> EXERCISE
Each line of the listing below that includes "STRAIGHT" should be reported.

+--

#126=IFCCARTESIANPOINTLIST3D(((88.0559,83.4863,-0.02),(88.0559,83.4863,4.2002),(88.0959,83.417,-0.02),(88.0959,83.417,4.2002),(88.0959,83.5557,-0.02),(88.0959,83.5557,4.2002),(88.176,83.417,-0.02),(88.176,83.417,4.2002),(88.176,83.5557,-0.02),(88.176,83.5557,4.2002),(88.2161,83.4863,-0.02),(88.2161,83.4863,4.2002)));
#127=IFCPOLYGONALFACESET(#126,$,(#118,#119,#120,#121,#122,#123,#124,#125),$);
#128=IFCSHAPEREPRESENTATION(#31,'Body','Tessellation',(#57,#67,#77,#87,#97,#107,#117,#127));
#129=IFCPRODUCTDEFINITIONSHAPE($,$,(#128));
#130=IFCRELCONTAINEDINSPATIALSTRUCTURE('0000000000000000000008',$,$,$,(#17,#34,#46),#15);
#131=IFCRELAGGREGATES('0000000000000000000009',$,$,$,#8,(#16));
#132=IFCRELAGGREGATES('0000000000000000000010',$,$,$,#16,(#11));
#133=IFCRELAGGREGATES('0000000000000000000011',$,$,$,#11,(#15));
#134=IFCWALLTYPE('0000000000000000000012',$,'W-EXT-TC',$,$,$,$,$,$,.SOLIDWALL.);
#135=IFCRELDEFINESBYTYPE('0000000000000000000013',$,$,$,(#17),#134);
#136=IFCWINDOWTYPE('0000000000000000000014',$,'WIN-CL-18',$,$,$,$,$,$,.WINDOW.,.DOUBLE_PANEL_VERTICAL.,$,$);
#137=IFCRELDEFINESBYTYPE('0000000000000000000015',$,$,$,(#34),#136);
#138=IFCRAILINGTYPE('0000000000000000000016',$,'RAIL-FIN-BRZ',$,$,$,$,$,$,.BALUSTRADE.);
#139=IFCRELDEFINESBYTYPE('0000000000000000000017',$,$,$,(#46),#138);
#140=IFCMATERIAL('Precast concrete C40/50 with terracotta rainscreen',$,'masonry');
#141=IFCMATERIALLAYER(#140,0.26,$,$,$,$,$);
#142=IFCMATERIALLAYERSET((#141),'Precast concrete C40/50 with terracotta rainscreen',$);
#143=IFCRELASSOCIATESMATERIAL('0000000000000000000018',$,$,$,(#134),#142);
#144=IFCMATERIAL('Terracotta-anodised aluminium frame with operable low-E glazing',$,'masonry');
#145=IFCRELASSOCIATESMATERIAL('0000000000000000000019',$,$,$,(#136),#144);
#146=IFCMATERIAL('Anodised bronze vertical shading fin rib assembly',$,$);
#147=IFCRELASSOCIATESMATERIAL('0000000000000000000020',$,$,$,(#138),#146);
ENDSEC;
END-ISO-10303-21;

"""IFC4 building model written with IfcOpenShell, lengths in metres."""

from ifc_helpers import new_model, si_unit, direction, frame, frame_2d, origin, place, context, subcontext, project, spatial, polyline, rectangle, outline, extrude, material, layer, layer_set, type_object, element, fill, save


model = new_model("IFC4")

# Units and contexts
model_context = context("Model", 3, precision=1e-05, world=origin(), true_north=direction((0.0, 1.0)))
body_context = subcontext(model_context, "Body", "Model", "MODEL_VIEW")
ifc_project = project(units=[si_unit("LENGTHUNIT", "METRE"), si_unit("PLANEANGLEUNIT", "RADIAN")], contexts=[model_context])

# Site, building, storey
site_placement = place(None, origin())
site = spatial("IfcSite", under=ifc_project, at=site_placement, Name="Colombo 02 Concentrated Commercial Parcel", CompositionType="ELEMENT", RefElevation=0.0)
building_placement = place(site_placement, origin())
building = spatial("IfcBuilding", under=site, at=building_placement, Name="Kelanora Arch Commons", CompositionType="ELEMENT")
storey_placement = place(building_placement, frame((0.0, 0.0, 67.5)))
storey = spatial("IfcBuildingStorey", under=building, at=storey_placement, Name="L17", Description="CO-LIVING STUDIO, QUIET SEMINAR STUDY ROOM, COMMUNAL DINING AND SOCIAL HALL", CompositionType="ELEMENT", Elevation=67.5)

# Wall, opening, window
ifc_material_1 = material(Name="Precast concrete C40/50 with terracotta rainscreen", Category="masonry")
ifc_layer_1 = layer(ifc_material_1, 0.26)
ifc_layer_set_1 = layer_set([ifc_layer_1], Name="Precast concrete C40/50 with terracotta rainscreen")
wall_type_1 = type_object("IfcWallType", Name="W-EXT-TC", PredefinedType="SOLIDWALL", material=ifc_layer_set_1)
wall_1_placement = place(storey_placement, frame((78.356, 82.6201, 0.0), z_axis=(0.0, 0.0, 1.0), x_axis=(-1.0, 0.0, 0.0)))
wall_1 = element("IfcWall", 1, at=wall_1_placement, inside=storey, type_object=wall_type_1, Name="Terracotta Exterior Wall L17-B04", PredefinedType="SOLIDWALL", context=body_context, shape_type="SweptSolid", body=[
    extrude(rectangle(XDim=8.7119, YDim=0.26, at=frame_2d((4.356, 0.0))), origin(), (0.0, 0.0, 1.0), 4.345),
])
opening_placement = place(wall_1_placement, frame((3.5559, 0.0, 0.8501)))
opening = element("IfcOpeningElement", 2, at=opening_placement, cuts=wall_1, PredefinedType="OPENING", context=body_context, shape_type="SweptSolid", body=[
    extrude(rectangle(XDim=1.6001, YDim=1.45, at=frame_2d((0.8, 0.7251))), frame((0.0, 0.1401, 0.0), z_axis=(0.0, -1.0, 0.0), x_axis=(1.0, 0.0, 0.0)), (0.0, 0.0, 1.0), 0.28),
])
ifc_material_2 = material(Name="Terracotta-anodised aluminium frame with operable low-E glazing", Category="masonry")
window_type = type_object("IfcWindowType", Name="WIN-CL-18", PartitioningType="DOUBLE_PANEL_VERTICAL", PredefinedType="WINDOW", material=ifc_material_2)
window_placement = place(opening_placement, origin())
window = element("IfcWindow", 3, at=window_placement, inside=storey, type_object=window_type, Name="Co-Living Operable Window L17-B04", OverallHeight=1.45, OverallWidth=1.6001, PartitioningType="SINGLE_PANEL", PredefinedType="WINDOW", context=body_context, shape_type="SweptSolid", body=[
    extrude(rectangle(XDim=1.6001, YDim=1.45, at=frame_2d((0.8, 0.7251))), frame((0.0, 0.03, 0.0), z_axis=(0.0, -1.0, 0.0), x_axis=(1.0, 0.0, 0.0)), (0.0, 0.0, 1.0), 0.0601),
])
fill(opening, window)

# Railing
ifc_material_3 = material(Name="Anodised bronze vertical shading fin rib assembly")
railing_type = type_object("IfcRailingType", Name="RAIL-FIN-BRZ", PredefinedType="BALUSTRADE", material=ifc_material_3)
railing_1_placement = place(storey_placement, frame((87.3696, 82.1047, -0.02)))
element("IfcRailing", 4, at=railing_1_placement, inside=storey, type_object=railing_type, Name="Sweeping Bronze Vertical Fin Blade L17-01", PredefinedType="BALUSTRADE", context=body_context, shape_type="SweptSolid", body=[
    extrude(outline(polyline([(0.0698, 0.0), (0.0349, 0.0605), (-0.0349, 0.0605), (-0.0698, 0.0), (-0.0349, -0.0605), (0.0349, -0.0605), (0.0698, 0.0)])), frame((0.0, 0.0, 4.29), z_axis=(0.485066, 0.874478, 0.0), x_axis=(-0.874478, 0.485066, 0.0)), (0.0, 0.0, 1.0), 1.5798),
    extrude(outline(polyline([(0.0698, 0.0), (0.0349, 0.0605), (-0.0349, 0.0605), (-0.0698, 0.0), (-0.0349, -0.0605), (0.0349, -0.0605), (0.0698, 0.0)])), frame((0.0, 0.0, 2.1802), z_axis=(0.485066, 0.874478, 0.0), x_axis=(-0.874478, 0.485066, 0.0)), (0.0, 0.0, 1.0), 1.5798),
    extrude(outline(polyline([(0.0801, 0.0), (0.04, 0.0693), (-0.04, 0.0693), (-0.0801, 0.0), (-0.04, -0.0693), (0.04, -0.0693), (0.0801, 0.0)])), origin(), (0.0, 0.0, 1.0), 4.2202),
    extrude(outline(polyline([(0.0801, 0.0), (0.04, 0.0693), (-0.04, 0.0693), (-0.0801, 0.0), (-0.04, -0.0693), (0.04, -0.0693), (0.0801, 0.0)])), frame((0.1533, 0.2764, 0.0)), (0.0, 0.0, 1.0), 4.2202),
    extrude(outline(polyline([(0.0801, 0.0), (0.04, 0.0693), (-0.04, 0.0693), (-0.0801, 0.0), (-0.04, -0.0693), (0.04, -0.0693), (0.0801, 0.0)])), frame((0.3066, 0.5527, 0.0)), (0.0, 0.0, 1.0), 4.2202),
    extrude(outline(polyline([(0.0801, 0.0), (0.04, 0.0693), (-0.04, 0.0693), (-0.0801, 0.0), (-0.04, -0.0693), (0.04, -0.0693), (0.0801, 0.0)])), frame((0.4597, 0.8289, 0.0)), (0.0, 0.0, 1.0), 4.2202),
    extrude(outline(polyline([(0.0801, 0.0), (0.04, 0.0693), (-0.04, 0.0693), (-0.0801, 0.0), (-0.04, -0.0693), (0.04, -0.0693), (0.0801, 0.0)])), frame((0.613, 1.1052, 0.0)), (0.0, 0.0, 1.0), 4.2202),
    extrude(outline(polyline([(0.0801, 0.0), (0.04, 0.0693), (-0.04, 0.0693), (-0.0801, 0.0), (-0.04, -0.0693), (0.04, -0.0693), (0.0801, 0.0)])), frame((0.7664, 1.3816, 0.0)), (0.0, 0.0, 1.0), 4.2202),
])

+--

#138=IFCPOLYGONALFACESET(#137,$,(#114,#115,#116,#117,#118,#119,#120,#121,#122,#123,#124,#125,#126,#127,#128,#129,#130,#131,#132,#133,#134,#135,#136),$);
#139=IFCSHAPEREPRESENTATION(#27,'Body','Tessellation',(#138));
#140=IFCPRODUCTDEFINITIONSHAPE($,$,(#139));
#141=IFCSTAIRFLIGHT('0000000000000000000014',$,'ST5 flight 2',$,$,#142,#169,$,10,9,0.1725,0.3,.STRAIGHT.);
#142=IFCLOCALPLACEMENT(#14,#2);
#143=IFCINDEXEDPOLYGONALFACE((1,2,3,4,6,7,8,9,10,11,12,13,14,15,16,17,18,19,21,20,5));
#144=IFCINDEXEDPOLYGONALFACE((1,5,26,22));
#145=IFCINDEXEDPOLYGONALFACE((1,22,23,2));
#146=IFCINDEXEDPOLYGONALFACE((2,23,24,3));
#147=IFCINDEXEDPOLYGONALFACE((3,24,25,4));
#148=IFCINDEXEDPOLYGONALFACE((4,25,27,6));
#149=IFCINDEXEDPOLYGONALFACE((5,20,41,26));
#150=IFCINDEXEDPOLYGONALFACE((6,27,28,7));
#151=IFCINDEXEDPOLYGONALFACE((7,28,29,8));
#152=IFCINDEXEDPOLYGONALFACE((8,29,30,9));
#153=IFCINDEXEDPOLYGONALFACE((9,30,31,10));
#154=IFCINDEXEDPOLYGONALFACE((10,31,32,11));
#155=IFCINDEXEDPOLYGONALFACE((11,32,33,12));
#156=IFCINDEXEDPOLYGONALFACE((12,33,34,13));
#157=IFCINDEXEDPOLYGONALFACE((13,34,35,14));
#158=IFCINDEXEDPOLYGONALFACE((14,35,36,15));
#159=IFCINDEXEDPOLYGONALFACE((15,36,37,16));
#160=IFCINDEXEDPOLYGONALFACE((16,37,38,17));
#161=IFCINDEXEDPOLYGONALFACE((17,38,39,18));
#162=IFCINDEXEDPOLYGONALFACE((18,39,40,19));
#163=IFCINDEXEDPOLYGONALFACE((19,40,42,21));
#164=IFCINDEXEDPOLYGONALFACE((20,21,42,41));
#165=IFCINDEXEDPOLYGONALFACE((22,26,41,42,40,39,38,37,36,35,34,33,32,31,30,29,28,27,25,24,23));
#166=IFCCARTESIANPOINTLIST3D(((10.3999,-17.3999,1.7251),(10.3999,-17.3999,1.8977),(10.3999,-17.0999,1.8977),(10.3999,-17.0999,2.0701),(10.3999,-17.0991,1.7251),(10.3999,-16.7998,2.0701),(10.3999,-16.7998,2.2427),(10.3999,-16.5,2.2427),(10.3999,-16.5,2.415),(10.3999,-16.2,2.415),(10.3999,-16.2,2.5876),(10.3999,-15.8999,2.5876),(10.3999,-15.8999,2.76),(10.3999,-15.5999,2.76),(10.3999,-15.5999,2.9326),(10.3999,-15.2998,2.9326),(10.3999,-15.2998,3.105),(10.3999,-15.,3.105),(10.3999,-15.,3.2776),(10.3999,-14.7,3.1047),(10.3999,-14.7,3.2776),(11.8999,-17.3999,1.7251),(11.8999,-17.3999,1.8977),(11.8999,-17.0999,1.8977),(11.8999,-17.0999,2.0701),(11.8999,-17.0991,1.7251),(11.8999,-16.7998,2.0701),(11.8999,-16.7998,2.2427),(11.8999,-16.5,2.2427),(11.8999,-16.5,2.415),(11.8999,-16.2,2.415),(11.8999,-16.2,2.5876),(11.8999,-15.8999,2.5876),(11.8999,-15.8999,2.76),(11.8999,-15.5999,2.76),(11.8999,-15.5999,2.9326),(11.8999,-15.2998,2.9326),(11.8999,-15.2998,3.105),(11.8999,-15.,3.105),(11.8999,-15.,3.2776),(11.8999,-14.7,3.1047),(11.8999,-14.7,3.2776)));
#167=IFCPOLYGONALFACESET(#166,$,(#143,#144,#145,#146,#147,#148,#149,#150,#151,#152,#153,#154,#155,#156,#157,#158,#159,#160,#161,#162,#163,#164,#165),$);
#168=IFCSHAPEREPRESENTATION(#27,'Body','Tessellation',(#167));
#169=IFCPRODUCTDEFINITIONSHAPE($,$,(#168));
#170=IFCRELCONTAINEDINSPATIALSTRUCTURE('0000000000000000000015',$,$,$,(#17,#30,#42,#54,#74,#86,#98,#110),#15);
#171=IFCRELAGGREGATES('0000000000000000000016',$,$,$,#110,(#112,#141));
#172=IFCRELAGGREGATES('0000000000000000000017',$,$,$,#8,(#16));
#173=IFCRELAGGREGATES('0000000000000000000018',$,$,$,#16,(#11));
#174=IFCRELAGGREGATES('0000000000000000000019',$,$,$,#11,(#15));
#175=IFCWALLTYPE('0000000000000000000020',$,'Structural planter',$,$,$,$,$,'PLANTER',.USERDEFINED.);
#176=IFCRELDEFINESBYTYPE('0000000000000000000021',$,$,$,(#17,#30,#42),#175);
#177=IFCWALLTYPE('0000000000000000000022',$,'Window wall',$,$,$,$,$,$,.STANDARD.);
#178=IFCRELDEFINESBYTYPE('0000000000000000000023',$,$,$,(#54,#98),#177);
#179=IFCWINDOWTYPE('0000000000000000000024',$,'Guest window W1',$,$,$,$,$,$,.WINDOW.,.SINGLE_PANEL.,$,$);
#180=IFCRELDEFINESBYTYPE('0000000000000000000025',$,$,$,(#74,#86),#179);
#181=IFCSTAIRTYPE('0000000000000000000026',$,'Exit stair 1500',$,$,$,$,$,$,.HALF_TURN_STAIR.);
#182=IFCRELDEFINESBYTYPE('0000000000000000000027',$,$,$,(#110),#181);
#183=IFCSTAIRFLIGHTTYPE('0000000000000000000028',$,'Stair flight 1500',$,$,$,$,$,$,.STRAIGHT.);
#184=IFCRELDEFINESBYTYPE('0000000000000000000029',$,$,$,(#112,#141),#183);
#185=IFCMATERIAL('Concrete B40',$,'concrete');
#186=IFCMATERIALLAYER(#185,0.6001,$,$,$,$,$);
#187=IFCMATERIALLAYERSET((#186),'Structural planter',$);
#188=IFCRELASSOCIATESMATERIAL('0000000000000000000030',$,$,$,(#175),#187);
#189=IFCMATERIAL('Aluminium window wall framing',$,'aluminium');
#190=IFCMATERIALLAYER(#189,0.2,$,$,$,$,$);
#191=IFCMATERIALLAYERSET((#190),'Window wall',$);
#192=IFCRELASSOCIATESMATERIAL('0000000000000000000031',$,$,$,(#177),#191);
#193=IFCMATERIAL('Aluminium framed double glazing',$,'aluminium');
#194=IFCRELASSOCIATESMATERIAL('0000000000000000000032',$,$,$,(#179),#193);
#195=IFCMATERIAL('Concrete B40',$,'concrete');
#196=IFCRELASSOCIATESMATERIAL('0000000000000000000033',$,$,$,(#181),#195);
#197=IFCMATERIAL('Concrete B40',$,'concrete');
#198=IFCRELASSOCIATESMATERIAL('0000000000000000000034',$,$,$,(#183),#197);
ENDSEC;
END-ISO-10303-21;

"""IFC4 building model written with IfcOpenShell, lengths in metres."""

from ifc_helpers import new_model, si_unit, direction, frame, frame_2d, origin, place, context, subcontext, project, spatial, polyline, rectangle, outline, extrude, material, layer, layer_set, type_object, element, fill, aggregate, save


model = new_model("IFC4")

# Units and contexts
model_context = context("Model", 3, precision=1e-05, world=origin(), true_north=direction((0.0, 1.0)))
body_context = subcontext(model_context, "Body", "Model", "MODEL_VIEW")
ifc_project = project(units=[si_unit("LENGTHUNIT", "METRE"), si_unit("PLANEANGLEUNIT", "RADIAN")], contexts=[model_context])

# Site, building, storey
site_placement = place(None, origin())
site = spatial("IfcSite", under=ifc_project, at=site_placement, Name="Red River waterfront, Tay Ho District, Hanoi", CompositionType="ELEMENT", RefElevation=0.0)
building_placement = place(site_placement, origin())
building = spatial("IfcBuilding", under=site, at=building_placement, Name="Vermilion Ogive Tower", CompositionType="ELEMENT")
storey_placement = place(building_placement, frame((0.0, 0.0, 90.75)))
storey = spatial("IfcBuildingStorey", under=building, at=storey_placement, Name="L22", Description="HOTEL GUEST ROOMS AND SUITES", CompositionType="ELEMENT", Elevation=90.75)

+--

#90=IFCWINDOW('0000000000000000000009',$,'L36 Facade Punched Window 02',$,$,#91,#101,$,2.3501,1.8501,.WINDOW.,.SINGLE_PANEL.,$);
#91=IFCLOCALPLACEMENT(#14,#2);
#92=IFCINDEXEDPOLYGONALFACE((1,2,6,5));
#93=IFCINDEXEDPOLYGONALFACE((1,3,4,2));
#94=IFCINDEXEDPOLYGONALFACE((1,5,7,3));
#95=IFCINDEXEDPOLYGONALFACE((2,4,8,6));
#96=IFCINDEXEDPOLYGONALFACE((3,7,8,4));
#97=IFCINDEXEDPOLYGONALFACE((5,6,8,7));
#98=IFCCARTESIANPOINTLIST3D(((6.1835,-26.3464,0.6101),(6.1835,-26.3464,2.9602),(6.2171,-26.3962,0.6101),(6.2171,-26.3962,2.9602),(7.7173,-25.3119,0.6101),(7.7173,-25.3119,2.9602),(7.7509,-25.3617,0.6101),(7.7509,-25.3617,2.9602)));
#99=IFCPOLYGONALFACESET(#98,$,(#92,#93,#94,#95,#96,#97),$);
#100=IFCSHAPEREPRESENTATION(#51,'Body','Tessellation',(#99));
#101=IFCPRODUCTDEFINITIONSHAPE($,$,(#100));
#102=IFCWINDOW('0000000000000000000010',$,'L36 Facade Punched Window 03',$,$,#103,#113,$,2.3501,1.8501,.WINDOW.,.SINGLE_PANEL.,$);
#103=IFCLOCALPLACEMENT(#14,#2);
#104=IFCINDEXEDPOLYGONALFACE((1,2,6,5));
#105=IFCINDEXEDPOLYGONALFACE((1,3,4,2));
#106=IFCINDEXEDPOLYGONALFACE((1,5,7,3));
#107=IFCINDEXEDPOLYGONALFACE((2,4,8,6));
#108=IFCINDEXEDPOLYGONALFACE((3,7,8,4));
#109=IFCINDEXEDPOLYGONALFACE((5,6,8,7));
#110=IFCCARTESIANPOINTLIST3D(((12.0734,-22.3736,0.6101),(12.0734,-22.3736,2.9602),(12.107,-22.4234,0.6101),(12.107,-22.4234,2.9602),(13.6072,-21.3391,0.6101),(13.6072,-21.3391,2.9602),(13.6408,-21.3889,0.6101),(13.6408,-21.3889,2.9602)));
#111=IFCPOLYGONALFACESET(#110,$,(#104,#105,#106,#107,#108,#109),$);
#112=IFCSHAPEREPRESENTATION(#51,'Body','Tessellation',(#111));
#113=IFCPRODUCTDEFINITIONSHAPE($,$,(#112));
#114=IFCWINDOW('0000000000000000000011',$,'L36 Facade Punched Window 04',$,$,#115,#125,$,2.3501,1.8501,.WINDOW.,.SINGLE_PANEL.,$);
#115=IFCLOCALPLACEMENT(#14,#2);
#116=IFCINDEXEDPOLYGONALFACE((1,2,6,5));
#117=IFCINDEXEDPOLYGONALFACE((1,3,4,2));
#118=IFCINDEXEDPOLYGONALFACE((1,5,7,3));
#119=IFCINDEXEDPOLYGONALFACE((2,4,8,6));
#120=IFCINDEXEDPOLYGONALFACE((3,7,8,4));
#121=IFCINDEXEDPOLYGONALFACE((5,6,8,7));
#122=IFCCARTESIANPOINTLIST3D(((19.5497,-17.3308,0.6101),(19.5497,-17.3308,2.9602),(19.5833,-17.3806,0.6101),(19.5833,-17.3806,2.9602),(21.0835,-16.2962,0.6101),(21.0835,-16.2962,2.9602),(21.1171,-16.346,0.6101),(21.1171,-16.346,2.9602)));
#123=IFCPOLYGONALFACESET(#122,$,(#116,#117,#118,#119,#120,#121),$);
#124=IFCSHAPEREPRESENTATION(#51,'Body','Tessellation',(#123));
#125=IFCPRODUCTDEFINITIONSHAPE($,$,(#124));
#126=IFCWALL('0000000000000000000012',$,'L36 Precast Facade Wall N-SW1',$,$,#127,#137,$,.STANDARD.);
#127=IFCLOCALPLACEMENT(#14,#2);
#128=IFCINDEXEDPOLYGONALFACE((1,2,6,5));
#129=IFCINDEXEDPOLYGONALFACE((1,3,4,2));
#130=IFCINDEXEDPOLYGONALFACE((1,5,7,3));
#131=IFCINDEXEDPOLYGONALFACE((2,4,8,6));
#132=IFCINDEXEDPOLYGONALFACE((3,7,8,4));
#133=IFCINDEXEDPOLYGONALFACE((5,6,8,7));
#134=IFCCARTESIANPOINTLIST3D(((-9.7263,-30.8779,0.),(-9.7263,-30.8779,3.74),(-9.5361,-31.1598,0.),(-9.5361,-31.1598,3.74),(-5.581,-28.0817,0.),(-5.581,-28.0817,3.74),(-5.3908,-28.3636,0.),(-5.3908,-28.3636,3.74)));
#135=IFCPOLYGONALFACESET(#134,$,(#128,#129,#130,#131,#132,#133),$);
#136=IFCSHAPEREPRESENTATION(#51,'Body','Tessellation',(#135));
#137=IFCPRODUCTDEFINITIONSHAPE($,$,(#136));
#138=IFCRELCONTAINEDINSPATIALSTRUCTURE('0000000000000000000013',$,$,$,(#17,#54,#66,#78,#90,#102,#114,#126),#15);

+--

> OUTPUT OF THE TASK
#141=IFCSTAIRFLIGHT('0000000000000000000014',$,'ST5 flight 2',$,$,#142,#169,$,10,9,0.1725,0.3,.STRAIGHT.);
#183=IFCSTAIRFLIGHTTYPE('0000000000000000000028',$,'Stair flight 1500',$,$,$,$,$,$,.STRAIGHT.);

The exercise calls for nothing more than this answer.